--- ENTRIES SUPPLIED Enclosed Below ---

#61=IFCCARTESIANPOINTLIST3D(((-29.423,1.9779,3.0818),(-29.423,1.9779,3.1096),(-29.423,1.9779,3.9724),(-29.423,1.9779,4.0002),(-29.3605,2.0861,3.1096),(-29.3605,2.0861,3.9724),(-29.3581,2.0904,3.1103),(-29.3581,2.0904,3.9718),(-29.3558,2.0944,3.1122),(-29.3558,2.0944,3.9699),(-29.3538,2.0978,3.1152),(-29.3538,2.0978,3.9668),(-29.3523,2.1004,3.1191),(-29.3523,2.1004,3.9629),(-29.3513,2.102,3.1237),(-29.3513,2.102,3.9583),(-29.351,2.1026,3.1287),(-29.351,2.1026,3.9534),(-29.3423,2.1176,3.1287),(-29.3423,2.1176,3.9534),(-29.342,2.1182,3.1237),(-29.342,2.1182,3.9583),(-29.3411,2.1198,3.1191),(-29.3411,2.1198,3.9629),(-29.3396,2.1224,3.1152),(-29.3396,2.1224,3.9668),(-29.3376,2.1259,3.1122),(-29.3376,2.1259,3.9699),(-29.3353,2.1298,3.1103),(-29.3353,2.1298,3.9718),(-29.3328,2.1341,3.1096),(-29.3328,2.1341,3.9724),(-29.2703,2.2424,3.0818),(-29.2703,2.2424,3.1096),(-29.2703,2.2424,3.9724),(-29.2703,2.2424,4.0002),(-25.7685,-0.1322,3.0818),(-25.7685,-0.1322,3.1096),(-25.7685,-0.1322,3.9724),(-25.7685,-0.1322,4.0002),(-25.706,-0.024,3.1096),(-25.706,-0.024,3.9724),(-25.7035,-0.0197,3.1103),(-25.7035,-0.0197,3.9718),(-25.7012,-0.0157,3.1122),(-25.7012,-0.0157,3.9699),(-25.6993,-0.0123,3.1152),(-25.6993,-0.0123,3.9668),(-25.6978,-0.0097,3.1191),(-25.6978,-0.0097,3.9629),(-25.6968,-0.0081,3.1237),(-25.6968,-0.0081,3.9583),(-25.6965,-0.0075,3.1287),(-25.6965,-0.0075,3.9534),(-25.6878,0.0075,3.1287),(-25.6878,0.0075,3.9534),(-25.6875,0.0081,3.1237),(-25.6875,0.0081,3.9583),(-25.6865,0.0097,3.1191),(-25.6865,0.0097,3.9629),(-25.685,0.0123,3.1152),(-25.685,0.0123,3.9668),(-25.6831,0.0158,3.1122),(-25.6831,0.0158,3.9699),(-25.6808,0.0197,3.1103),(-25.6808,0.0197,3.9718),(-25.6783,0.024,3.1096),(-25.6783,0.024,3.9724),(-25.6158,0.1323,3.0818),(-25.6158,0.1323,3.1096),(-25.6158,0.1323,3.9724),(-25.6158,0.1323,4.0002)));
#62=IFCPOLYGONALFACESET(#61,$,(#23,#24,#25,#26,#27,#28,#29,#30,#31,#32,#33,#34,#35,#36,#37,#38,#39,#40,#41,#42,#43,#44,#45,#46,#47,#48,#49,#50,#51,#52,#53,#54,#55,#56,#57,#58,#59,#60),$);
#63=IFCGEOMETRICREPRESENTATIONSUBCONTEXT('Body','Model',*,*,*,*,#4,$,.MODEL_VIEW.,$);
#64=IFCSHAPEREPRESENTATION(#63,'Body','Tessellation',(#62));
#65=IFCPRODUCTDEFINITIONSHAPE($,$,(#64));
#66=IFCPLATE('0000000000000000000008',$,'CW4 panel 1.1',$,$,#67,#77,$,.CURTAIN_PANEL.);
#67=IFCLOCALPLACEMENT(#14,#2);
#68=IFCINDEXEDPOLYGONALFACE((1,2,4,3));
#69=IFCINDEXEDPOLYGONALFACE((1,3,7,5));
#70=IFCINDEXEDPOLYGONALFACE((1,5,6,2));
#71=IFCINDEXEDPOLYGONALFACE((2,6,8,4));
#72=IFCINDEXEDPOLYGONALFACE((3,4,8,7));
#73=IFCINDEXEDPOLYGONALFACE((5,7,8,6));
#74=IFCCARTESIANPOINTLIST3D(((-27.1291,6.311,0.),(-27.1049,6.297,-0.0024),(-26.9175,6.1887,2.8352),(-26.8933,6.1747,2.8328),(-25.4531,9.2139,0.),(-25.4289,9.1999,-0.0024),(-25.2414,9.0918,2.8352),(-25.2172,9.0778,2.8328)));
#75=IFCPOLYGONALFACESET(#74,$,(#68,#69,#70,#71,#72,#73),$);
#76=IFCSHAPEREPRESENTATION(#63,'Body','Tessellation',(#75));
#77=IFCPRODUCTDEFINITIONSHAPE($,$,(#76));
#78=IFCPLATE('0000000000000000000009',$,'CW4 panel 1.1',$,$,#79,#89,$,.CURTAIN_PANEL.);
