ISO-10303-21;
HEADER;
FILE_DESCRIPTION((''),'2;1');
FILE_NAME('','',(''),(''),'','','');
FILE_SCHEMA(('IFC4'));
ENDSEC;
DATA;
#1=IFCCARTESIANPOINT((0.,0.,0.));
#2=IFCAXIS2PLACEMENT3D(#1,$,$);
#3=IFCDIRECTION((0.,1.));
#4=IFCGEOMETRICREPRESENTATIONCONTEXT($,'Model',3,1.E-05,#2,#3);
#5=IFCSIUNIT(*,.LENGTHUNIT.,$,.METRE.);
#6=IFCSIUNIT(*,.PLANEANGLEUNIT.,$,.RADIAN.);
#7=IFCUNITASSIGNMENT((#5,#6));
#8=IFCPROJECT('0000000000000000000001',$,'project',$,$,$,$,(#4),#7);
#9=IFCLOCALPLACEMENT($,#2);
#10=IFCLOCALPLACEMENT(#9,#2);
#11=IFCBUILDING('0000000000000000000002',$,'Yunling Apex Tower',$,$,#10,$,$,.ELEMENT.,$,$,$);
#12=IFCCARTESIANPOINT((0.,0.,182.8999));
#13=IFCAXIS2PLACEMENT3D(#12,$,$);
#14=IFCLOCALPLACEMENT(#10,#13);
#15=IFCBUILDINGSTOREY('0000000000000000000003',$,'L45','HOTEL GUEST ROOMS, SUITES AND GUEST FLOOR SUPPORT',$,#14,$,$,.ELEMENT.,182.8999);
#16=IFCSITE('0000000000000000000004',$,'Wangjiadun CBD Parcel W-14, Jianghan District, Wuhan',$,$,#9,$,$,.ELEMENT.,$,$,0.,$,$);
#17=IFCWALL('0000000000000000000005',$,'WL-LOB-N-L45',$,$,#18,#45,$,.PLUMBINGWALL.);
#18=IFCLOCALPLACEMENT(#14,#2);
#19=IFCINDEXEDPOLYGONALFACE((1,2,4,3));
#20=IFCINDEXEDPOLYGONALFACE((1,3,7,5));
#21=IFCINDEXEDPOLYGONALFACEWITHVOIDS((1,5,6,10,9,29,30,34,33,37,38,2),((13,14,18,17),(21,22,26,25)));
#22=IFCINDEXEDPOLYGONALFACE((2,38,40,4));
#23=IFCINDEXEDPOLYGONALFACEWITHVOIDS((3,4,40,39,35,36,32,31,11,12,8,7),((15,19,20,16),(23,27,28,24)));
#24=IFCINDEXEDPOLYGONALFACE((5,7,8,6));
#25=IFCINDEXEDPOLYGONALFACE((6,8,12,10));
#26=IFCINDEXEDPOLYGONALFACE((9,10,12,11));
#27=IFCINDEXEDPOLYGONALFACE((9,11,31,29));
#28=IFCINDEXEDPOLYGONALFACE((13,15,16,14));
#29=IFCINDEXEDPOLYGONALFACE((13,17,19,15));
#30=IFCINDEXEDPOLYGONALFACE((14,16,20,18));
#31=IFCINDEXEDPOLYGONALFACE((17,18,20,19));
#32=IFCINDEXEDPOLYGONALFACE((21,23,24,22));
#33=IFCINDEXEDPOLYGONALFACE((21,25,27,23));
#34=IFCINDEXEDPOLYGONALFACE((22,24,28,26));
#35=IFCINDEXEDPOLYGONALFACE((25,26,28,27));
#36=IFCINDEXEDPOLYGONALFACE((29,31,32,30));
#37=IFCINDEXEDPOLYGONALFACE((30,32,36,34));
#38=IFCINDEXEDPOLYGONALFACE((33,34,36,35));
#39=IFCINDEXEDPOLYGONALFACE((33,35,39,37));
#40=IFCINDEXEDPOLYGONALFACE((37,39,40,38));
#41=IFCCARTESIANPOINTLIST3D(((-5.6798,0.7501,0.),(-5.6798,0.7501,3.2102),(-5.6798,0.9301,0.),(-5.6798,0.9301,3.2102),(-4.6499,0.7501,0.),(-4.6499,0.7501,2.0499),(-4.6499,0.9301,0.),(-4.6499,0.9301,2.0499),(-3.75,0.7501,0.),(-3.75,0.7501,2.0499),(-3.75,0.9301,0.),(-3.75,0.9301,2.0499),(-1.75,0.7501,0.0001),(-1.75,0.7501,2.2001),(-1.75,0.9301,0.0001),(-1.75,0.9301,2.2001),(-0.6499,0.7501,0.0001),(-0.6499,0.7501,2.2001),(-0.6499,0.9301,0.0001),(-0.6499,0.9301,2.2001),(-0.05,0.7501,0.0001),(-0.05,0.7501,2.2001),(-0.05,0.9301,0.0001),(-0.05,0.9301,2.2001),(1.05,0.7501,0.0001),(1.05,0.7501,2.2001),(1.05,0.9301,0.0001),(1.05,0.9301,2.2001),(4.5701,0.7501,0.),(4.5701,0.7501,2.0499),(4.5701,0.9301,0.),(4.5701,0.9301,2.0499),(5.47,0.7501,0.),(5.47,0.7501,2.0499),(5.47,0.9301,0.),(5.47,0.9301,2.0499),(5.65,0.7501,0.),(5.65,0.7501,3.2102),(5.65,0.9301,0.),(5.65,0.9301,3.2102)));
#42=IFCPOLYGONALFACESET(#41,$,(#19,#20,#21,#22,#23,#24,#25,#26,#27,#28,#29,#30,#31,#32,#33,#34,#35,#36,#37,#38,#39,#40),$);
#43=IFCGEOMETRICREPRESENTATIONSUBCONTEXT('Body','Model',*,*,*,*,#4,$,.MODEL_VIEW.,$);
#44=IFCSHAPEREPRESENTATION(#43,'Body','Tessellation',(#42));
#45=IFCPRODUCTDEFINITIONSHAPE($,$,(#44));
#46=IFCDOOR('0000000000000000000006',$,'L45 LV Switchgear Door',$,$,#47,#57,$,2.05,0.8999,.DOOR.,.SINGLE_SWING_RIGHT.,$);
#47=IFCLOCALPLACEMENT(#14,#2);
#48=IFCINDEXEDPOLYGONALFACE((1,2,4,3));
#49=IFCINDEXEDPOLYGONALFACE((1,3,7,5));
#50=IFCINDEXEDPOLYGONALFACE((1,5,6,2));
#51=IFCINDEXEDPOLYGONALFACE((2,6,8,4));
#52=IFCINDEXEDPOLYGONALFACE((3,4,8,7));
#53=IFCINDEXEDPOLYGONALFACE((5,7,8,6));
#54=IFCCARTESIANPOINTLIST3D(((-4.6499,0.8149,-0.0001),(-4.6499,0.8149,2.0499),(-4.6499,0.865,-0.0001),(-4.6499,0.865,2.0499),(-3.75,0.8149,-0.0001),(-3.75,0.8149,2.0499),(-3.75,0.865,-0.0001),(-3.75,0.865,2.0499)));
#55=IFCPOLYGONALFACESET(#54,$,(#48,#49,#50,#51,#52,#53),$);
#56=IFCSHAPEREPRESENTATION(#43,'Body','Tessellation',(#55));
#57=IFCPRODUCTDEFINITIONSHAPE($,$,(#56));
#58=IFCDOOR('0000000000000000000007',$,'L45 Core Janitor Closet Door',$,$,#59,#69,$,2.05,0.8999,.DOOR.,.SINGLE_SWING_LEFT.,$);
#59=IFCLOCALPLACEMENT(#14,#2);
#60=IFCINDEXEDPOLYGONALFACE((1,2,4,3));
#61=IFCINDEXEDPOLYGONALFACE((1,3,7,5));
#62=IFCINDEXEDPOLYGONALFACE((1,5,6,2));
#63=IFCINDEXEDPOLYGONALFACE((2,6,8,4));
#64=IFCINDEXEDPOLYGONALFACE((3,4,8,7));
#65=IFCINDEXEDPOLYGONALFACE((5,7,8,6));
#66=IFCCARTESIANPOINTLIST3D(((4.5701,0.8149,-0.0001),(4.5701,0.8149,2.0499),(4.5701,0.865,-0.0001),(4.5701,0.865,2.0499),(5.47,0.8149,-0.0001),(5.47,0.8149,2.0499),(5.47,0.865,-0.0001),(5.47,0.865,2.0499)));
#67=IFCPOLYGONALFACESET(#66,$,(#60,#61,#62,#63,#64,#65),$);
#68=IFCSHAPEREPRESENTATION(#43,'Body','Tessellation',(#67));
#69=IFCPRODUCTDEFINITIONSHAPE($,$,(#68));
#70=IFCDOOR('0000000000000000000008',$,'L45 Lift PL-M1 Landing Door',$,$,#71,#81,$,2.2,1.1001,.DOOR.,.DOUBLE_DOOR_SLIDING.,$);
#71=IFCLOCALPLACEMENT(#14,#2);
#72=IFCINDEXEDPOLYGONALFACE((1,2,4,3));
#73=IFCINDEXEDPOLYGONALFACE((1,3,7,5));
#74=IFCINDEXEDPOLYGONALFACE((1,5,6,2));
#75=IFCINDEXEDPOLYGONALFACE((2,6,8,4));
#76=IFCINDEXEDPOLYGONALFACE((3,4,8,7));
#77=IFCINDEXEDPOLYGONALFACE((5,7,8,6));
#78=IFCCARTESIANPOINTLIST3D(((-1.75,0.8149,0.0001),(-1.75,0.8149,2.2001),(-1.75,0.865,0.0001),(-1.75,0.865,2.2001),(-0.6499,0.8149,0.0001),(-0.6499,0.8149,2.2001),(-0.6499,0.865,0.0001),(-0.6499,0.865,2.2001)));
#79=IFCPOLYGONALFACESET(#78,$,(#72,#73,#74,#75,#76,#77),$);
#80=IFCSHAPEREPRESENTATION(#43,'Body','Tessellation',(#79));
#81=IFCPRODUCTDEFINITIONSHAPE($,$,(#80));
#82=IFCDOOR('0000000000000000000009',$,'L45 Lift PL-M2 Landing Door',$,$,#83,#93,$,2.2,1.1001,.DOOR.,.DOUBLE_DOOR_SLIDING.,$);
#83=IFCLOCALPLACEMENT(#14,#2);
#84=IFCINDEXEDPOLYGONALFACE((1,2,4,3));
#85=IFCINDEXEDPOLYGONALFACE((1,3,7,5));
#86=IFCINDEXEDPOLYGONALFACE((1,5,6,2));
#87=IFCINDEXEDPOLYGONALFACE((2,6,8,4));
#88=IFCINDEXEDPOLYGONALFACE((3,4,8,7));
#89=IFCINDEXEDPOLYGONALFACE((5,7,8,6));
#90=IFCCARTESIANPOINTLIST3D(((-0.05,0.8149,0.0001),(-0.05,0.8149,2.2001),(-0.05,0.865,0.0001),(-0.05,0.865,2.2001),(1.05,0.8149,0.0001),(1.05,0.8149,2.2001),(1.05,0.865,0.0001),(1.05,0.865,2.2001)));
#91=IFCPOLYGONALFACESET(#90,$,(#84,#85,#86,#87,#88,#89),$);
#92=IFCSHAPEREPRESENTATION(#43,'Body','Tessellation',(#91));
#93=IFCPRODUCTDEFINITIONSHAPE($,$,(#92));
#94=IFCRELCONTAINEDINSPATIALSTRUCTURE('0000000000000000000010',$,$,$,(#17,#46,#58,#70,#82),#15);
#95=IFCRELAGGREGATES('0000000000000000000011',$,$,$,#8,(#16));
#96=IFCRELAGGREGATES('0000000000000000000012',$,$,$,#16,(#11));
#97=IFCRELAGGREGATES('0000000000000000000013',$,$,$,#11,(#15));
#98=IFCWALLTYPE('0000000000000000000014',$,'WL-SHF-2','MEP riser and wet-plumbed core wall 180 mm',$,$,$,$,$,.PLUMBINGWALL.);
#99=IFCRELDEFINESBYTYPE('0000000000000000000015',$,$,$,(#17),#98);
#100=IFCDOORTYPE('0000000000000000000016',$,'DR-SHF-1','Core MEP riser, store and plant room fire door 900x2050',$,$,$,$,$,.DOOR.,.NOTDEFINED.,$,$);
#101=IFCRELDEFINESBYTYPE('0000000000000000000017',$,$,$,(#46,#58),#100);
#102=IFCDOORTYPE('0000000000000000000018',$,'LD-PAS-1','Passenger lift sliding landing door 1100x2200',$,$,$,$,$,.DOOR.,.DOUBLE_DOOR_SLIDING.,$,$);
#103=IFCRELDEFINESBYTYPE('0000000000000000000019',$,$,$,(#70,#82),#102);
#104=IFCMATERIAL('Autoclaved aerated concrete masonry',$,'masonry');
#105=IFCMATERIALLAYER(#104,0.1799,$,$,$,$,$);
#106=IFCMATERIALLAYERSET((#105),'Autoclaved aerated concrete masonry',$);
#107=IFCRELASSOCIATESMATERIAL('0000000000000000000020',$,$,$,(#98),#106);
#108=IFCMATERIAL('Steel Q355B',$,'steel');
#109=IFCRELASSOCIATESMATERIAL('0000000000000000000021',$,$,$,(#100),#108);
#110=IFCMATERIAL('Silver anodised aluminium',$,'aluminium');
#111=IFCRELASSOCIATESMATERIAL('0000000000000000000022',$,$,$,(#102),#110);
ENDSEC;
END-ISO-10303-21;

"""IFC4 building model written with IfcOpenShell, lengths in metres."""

from ifc_helpers import new_model, si_unit, direction, frame, frame_2d, origin, place, context, subcontext, project, spatial, rectangle, extrude, material, layer, layer_set, type_object, element, fill, save


model = new_model("IFC4")

# Units and contexts
model_context = context("Model", 3, precision=1e-05, world=origin(), true_north=direction((0.0, 1.0)))
body_context = subcontext(model_context, "Body", "Model", "MODEL_VIEW")
ifc_project = project(units=[si_unit("LENGTHUNIT", "METRE"), si_unit("PLANEANGLEUNIT", "RADIAN")], contexts=[model_context])

# Site, building, storey
site_placement = place(None, origin())
site = spatial("IfcSite", under=ifc_project, at=site_placement, Name="Wangjiadun CBD Parcel W-14, Jianghan District, Wuhan", CompositionType="ELEMENT", RefElevation=0.0)
building_placement = place(site_placement, origin())
building = spatial("IfcBuilding", under=site, at=building_placement, Name="Yunling Apex Tower", CompositionType="ELEMENT")
storey_placement = place(building_placement, frame((0.0, 0.0, 182.8999)))
storey = spatial("IfcBuildingStorey", under=building, at=storey_placement, Name="L45", Description="HOTEL GUEST ROOMS, SUITES AND GUEST FLOOR SUPPORT", CompositionType="ELEMENT", Elevation=182.8999)

# Shared definitions
ifc_material_1 = material(Name="Steel Q355B", Category="steel")

# Shared definitions
ifc_material_2 = material(Name="Autoclaved aerated concrete masonry", Category="masonry")
ifc_layer_1 = layer(ifc_material_2, 0.1799)
ifc_layer_set_1 = layer_set([ifc_layer_1], Name="Autoclaved aerated concrete masonry")
wall_type_1 = type_object("IfcWallType", Name="WL-SHF-2", Description="MEP riser and wet-plumbed core wall 180 mm", PredefinedType="PLUMBINGWALL", material=ifc_layer_set_1)

# Wall, openings, doors
wall_1_placement = place(storey_placement, frame((-5.6799, 0.8401, 0.0), z_axis=(0.0, 0.0, 1.0), x_axis=(1.0, 0.0, 0.0)))
wall_1 = element("IfcWall", 1, at=wall_1_placement, inside=storey, type_object=wall_type_1, Name="WL-LOB-N-L45", PredefinedType="PLUMBINGWALL", context=body_context, shape_type="SweptSolid", body=[
    extrude(rectangle(XDim=11.3298, YDim=0.1799, at=frame_2d((5.665, 0.0))), origin(), (0.0, 0.0, 1.0), 3.2102),
])
opening_1_placement = place(wall_1_placement, frame((1.03, 0.0, 0.0)))
opening_1 = element("IfcOpeningElement", 2, at=opening_1_placement, cuts=wall_1, PredefinedType="OPENING", context=body_context, shape_type="SweptSolid", body=[
    extrude(rectangle(XDim=0.8999, YDim=2.05, at=frame_2d((0.45, 1.0249))), frame((0.0, 0.1001, 0.0), z_axis=(0.0, -1.0, 0.0), x_axis=(1.0, 0.0, 0.0)), (0.0, 0.0, 1.0), 0.2),
])
opening_2_placement = place(wall_1_placement, frame((3.9299, 0.0, 0.0)))
opening_2 = element("IfcOpeningElement", 3, at=opening_2_placement, cuts=wall_1, PredefinedType="OPENING", context=body_context, shape_type="SweptSolid", body=[
    extrude(rectangle(XDim=1.1001, YDim=2.2, at=frame_2d((0.55, 1.1001))), frame((0.0, 0.1001, 0.0), z_axis=(0.0, -1.0, 0.0), x_axis=(1.0, 0.0, 0.0)), (0.0, 0.0, 1.0), 0.2),
])
opening_3_placement = place(wall_1_placement, frame((5.6299, 0.0, 0.0)))
opening_3 = element("IfcOpeningElement", 4, at=opening_3_placement, cuts=wall_1, PredefinedType="OPENING", context=body_context, shape_type="SweptSolid", body=[
    extrude(rectangle(XDim=1.1001, YDim=2.2, at=frame_2d((0.55, 1.1001))), frame((0.0, 0.1001, 0.0), z_axis=(0.0, -1.0, 0.0), x_axis=(1.0, 0.0, 0.0)), (0.0, 0.0, 1.0), 0.2),
])
opening_4_placement = place(wall_1_placement, frame((10.25, 0.0, 0.0)))
opening_4 = element("IfcOpeningElement", 5, at=opening_4_placement, cuts=wall_1, PredefinedType="OPENING", context=body_context, shape_type="SweptSolid", body=[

--- End of Enclosed ENTRIES SUPPLIED ---

WHAT IS BEING ASKED
The answer is the run of lines above from the line containing "#89=IFCINDEXEDPOLYGONALFACE((5,7,8,6));" through the line containing "#105=IFCMATERIALLAYER(#104,0.1799,$,$,$,$,$);", copied exactly and alone.

WORKED SOLUTION
#89=IFCINDEXEDPOLYGONALFACE((5,7,8,6));
#90=IFCCARTESIANPOINTLIST3D(((-0.05,0.8149,0.0001),(-0.05,0.8149,2.2001),(-0.05,0.865,0.0001),(-0.05,0.865,2.2001),(1.05,0.8149,0.0001),(1.05,0.8149,2.2001),(1.05,0.865,0.0001),(1.05,0.865,2.2001)));
#91=IFCPOLYGONALFACESET(#90,$,(#84,#85,#86,#87,#88,#89),$);
#92=IFCSHAPEREPRESENTATION(#43,'Body','Tessellation',(#91));
#93=IFCPRODUCTDEFINITIONSHAPE($,$,(#92));
#94=IFCRELCONTAINEDINSPATIALSTRUCTURE('0000000000000000000010',$,$,$,(#17,#46,#58,#70,#82),#15);
#95=IFCRELAGGREGATES('0000000000000000000011',$,$,$,#8,(#16));
#96=IFCRELAGGREGATES('0000000000000000000012',$,$,$,#16,(#11));
#97=IFCRELAGGREGATES('0000000000000000000013',$,$,$,#11,(#15));
#98=IFCWALLTYPE('0000000000000000000014',$,'WL-SHF-2','MEP riser and wet-plumbed core wall 180 mm',$,$,$,$,$,.PLUMBINGWALL.);
#99=IFCRELDEFINESBYTYPE('0000000000000000000015',$,$,$,(#17),#98);
#100=IFCDOORTYPE('0000000000000000000016',$,'DR-SHF-1','Core MEP riser, store and plant room fire door 900x2050',$,$,$,$,$,.DOOR.,.NOTDEFINED.,$,$);
#101=IFCRELDEFINESBYTYPE('0000000000000000000017',$,$,$,(#46,#58),#100);
#102=IFCDOORTYPE('0000000000000000000018',$,'LD-PAS-1','Passenger lift sliding landing door 1100x2200',$,$,$,$,$,.DOOR.,.DOUBLE_DOOR_SLIDING.,$,$);
#103=IFCRELDEFINESBYTYPE('0000000000000000000019',$,$,$,(#70,#82),#102);
#104=IFCMATERIAL('Autoclaved aerated concrete masonry',$,'masonry');
#105=IFCMATERIALLAYER(#104,0.1799,$,$,$,$,$);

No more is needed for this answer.